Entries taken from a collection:
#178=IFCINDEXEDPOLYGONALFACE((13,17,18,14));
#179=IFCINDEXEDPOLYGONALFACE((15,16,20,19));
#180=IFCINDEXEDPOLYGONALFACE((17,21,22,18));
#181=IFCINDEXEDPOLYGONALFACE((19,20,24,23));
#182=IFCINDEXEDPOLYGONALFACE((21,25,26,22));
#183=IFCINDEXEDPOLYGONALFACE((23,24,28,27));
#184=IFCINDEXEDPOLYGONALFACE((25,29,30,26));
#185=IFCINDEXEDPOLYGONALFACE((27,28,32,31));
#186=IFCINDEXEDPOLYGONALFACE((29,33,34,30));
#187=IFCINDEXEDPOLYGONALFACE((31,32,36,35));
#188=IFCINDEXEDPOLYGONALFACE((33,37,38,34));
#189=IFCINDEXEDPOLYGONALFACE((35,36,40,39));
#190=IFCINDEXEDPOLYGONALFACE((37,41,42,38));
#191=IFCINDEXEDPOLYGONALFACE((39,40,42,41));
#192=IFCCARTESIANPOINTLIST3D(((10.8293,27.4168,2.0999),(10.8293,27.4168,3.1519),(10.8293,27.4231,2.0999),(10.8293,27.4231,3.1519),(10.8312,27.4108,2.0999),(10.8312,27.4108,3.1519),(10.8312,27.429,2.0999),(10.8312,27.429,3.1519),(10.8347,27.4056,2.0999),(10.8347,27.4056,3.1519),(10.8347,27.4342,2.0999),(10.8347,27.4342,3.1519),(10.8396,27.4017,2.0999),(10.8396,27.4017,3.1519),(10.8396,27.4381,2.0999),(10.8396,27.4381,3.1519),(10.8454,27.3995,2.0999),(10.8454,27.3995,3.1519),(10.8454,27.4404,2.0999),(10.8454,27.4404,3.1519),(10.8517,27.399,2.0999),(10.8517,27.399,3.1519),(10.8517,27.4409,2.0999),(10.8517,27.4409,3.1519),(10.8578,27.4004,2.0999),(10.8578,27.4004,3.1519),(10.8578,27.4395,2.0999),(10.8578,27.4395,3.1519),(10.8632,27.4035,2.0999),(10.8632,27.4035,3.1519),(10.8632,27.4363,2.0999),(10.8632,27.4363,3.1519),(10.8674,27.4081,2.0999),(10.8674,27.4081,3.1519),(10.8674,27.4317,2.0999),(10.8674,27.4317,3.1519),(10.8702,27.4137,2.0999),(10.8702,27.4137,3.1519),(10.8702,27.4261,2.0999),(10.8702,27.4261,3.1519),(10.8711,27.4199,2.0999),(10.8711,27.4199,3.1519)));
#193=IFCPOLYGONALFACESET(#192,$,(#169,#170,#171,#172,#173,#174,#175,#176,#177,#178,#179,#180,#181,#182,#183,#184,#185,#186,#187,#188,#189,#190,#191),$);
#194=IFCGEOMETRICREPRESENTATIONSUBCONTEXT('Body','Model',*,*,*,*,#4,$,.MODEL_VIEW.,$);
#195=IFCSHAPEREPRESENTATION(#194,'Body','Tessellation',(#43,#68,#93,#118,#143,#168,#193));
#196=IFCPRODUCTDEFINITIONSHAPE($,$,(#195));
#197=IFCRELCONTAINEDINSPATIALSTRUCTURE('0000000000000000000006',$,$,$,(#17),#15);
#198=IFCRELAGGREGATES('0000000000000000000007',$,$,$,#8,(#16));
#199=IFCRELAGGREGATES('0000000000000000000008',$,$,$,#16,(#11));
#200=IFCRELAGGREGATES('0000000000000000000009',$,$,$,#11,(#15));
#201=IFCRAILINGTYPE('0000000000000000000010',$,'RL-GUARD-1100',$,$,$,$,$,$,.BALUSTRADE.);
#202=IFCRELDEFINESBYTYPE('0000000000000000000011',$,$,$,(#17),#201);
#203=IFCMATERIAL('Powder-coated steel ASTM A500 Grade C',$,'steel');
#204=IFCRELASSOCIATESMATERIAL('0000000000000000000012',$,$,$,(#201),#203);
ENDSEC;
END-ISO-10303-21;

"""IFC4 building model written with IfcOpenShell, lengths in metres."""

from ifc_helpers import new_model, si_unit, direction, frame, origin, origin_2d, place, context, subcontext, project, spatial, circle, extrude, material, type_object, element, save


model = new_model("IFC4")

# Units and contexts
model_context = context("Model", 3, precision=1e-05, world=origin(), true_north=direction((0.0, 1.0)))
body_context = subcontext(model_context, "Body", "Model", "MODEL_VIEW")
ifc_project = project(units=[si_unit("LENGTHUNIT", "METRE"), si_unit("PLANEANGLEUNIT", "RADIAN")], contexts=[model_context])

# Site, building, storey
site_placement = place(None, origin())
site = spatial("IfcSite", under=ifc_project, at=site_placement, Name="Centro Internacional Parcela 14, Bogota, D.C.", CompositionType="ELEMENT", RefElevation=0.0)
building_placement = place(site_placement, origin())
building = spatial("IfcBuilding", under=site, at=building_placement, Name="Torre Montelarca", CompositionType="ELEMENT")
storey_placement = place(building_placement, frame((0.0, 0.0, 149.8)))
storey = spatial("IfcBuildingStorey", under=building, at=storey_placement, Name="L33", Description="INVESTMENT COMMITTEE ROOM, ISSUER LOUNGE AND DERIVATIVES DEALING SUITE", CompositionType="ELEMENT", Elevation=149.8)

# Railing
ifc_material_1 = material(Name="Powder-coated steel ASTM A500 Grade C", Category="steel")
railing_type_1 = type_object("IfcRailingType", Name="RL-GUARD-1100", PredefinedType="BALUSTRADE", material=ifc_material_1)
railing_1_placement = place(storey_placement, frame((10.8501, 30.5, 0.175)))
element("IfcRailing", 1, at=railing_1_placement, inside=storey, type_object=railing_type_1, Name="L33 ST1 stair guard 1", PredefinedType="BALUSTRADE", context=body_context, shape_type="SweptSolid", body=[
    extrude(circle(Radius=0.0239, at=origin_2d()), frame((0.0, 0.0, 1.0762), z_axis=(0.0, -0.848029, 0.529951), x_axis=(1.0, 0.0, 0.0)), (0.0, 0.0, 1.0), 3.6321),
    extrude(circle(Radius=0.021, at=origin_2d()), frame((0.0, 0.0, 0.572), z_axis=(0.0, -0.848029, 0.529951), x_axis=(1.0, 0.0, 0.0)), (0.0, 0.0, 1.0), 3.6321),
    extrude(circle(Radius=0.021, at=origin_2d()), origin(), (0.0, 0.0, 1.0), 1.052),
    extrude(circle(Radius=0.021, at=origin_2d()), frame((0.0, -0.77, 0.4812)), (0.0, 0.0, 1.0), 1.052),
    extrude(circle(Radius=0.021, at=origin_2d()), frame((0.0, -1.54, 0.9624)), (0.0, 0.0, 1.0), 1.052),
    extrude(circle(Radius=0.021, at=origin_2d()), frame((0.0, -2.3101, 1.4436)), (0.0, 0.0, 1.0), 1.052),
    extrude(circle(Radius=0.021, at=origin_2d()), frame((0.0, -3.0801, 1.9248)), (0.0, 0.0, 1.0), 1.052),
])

◆ Instructions for the task ◆
Scan the lines above for "ASTM", then copy every one that has it.

◆ Written response ◆
#203=IFCMATERIAL('Powder-coated steel ASTM A500 Grade C',$,'steel');
ifc_material_1 = material(Name="Powder-coated steel ASTM A500 Grade C", Category="steel")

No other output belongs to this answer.